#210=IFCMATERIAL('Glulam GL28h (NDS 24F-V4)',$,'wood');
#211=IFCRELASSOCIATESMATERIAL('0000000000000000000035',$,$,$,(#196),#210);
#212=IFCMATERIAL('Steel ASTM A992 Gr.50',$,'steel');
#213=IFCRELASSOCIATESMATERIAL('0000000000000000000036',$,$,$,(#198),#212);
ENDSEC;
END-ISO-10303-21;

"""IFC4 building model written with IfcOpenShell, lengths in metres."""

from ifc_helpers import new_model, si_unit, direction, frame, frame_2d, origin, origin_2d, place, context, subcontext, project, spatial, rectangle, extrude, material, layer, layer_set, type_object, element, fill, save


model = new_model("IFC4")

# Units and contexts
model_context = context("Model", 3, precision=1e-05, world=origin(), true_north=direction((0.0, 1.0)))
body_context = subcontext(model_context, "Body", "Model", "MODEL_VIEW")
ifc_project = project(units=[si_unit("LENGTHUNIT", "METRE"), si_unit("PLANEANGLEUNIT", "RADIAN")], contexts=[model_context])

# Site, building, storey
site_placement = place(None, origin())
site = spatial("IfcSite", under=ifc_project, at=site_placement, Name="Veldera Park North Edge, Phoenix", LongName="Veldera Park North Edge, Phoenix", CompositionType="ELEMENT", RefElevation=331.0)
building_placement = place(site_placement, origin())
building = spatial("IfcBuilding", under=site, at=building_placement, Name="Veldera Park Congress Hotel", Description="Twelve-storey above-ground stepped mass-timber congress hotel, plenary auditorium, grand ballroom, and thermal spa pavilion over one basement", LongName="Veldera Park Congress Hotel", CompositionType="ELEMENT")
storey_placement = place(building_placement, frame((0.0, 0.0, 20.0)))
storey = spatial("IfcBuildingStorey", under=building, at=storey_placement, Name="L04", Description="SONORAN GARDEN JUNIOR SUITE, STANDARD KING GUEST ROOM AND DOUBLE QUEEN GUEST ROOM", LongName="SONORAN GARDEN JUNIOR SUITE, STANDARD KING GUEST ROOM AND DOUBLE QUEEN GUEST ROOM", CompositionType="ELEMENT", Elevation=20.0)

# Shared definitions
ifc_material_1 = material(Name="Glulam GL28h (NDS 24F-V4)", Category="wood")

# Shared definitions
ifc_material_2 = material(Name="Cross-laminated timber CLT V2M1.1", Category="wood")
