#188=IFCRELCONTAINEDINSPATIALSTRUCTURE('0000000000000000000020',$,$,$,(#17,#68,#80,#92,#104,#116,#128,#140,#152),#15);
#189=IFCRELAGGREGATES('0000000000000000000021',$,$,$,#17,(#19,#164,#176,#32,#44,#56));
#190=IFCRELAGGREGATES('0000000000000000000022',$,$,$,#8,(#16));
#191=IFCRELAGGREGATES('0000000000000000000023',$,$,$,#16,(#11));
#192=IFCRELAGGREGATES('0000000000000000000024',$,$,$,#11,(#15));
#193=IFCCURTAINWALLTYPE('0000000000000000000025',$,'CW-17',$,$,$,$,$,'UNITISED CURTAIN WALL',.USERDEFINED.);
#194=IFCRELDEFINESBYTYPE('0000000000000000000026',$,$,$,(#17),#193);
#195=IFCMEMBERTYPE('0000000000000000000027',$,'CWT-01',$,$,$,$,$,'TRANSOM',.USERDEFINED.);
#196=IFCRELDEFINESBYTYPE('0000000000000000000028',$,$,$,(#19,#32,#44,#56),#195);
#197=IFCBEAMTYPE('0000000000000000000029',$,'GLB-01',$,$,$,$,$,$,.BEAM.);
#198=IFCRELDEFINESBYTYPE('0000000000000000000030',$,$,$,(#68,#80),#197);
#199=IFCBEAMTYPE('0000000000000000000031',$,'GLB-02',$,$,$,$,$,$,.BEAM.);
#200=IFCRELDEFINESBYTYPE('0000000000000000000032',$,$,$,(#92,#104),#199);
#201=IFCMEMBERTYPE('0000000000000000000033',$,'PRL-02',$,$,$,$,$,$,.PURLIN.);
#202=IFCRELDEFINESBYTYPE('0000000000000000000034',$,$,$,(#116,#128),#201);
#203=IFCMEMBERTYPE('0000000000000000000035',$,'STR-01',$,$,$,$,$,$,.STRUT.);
■ ■ ■ ■
Each line of the records, from the opening one through the line holding "building model written", should be restated word for word, with nothing else in the answer.

#210=IFCMATERIAL('Glulam GL28h (NDS 24F-V4)',$,'wood');
#211=IFCRELASSOCIATESMATERIAL('0000000000000000000035',$,$,$,(#196),#210);
#212=IFCMATERIAL('Steel ASTM A992 Gr.50',$,'steel');
#213=IFCRELASSOCIATESMATERIAL('0000000000000000000036',$,$,$,(#198),#212);
ENDSEC;
END-ISO-10303-21;

"""IFC4 building model written with IfcOpenShell, lengths in metres."""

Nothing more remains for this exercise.